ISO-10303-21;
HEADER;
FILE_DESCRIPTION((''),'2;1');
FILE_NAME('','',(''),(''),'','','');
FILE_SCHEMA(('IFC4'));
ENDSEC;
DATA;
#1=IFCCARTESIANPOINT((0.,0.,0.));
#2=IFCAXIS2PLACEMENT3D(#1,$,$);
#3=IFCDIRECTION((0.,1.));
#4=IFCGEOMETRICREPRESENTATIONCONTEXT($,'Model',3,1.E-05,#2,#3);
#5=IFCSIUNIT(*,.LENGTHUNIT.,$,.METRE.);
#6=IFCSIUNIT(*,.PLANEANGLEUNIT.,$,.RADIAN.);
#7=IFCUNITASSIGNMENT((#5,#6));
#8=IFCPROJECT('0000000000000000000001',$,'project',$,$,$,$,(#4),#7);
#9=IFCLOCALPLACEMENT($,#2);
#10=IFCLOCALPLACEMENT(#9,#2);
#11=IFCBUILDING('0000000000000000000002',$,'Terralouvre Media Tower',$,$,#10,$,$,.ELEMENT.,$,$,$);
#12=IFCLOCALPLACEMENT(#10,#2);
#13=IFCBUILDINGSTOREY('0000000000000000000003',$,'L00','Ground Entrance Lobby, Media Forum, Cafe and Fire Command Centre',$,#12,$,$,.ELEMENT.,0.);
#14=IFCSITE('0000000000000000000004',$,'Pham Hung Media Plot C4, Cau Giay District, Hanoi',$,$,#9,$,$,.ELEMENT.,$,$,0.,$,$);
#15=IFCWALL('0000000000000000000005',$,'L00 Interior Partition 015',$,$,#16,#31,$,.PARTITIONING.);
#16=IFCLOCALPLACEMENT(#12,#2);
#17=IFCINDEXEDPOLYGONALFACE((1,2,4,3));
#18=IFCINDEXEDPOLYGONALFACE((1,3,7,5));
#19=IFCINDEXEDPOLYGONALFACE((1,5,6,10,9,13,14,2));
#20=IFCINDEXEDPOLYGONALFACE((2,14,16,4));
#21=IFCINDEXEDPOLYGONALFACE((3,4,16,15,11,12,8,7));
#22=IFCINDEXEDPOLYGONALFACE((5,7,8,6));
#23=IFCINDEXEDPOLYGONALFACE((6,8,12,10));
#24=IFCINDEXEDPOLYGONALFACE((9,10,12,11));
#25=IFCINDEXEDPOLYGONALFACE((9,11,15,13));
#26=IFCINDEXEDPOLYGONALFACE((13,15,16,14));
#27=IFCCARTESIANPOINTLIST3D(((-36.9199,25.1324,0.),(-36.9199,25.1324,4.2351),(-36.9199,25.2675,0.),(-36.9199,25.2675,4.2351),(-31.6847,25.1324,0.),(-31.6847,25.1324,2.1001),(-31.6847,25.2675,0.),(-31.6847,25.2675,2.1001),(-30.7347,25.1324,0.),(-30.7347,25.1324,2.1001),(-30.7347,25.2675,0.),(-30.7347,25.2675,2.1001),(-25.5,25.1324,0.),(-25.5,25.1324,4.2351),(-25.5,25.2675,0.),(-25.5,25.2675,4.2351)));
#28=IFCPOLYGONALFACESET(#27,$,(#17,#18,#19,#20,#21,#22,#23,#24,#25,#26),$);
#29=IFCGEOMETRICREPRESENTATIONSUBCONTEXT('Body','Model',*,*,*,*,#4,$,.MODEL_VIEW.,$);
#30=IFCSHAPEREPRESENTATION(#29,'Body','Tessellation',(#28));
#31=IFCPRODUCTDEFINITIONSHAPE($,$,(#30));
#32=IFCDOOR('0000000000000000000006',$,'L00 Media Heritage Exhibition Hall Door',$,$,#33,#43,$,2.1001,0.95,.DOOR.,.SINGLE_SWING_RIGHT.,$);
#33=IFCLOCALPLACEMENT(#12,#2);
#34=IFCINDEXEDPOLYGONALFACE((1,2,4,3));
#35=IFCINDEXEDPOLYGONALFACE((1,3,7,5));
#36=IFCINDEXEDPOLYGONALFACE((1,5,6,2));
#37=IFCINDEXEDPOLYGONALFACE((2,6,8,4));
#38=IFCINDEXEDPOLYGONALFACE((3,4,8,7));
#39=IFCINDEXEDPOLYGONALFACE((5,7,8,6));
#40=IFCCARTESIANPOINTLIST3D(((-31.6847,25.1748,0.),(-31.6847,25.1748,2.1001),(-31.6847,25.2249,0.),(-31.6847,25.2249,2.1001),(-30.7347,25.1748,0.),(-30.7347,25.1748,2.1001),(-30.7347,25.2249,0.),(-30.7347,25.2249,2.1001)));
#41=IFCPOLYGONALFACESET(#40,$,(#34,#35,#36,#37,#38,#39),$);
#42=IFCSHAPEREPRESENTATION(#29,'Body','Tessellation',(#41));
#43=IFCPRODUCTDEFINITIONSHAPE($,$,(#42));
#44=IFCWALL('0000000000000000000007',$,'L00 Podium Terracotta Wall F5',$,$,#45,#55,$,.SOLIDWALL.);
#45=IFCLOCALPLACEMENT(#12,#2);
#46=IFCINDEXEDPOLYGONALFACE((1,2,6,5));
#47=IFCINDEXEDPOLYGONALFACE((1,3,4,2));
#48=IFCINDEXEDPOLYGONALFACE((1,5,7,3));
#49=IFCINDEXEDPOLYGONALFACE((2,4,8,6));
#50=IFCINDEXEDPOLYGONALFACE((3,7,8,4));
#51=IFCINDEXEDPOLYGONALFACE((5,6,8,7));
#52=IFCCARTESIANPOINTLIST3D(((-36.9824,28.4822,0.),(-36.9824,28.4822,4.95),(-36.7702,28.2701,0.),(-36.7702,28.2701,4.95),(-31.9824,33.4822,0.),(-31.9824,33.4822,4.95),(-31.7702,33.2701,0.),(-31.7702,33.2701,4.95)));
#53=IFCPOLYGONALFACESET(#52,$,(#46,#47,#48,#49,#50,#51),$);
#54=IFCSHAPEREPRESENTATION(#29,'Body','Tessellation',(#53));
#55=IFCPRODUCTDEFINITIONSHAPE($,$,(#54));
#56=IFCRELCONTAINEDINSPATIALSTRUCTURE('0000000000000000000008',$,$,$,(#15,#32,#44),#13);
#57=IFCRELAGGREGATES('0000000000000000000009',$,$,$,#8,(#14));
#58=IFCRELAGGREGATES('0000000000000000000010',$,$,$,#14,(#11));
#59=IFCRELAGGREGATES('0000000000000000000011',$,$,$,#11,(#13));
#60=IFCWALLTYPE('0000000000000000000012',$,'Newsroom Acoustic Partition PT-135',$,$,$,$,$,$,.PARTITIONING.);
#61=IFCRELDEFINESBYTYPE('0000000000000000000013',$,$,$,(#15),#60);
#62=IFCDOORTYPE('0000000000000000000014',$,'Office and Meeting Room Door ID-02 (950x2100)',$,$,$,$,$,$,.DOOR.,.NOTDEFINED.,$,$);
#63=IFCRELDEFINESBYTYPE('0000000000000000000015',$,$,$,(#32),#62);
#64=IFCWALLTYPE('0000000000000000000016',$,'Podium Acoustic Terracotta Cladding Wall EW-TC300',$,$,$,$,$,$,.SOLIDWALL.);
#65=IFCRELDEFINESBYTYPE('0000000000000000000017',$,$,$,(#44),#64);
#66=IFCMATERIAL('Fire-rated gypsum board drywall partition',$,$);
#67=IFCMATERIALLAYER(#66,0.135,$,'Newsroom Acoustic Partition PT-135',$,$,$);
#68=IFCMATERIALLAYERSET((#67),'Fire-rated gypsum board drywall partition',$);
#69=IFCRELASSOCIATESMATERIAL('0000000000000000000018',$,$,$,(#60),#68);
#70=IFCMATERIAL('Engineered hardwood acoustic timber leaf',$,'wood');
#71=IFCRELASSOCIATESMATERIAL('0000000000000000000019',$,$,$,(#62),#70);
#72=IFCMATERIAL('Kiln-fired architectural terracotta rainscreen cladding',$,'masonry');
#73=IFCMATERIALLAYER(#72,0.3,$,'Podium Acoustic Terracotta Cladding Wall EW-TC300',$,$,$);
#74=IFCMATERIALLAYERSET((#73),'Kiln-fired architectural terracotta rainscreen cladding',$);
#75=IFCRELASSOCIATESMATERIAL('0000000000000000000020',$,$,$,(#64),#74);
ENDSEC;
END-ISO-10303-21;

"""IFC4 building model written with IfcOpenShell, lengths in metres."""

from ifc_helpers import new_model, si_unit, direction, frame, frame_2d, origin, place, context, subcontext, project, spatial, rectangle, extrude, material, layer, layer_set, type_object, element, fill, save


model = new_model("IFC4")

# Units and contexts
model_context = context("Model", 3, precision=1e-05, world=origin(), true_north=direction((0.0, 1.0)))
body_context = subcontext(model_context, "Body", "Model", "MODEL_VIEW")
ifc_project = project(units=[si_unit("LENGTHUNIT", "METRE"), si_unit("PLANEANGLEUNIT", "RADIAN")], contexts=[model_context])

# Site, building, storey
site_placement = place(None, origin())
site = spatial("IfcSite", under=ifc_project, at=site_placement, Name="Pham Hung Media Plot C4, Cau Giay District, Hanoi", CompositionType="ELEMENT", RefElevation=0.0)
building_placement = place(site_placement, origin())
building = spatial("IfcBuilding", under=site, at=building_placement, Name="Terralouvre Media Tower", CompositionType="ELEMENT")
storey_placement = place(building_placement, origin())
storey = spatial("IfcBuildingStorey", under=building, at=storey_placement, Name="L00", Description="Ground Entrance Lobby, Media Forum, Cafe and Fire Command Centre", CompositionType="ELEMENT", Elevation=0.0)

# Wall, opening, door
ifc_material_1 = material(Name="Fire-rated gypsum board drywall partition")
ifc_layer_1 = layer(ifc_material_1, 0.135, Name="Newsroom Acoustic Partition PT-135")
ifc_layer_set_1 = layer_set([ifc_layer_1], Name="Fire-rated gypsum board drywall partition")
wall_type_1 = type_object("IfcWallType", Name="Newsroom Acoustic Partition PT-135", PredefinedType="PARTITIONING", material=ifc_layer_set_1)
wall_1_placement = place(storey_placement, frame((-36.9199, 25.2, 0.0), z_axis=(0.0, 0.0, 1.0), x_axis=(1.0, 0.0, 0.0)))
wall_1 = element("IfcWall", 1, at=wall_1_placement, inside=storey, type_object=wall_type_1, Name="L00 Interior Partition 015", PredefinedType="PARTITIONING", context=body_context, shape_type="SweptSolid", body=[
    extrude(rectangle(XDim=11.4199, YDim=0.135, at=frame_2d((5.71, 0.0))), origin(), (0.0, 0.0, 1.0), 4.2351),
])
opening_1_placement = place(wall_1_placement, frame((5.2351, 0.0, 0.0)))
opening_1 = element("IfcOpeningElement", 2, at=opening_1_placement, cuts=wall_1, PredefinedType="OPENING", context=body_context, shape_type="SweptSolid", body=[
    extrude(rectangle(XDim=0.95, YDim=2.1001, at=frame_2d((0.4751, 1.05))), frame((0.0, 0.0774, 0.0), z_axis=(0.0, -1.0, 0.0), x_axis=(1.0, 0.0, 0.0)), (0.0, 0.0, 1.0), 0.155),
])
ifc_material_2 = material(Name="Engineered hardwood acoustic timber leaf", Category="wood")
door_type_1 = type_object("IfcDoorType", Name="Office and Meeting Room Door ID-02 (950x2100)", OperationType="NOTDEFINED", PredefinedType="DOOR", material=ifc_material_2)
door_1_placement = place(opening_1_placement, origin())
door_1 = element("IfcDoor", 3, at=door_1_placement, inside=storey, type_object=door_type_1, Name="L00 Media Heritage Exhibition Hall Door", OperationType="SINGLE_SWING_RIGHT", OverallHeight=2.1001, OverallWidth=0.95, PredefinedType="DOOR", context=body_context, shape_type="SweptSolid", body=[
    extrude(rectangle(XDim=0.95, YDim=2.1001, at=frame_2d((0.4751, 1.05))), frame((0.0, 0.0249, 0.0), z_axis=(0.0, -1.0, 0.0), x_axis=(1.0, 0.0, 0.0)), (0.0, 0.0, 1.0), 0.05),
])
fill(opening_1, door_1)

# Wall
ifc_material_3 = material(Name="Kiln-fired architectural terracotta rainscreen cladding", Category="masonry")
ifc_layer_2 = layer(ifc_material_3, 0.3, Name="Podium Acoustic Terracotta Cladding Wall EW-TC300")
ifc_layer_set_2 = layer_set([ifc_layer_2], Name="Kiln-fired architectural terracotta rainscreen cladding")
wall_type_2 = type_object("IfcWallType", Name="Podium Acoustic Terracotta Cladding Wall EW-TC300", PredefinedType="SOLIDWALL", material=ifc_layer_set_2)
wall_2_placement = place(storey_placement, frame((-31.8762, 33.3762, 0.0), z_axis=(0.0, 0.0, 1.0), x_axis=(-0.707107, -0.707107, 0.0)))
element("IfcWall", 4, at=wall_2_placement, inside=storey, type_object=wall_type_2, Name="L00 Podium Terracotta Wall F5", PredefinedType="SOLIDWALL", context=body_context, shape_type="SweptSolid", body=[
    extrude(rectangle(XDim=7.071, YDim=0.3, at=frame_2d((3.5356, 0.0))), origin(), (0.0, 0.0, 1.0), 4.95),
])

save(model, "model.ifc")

#####

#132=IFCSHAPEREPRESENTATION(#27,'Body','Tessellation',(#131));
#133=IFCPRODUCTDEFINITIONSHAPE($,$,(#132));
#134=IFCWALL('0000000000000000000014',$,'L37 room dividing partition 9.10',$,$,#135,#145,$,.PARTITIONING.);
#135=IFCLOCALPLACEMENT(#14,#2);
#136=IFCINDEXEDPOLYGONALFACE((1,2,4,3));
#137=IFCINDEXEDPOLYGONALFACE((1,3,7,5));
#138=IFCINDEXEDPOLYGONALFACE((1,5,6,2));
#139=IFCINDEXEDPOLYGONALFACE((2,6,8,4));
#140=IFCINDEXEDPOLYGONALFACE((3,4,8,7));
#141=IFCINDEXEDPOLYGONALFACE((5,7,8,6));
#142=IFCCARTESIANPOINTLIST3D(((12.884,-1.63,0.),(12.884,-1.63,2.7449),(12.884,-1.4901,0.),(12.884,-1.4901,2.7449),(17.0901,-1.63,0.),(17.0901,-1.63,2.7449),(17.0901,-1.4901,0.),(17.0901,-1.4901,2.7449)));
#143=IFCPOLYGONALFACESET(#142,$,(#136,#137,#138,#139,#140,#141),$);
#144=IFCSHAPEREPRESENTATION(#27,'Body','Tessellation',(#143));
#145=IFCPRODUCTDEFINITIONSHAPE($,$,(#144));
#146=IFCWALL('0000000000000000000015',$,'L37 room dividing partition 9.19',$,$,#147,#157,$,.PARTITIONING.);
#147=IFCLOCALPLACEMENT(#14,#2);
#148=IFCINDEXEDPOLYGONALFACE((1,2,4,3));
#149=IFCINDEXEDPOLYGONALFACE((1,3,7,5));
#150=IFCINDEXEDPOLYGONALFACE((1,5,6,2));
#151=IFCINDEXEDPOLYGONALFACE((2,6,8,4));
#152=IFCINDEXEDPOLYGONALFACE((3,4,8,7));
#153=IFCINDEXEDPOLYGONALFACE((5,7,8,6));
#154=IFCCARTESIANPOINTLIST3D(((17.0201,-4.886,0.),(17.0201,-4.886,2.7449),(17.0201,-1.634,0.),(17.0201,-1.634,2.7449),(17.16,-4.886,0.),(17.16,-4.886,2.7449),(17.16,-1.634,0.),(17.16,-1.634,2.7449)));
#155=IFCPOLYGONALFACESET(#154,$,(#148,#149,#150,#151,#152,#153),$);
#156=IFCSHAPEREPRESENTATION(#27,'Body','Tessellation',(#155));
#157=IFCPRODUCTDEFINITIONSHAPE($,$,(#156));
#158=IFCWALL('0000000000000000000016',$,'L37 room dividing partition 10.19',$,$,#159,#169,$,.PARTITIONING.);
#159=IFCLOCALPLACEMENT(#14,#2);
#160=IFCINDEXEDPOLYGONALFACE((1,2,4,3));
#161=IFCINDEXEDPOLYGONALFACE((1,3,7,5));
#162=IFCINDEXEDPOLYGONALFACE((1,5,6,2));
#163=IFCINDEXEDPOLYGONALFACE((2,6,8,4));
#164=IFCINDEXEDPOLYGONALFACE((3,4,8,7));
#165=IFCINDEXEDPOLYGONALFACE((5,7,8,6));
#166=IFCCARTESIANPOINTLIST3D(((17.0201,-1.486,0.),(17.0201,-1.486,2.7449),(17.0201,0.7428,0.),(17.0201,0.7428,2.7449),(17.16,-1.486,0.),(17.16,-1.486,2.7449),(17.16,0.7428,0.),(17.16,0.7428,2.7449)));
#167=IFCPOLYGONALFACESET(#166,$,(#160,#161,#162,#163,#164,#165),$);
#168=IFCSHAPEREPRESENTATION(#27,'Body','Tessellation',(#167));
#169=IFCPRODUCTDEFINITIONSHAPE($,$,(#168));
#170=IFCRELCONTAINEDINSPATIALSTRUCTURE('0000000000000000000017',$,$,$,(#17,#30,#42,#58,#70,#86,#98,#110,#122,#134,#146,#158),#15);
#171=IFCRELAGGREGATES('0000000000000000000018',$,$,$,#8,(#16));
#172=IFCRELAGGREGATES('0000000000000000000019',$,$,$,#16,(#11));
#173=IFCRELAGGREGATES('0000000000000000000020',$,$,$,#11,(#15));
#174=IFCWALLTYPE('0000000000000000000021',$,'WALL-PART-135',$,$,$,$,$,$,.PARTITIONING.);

#####

Looking back over the listing, work out how many lines include the string "Tessellation". Write only that number.

7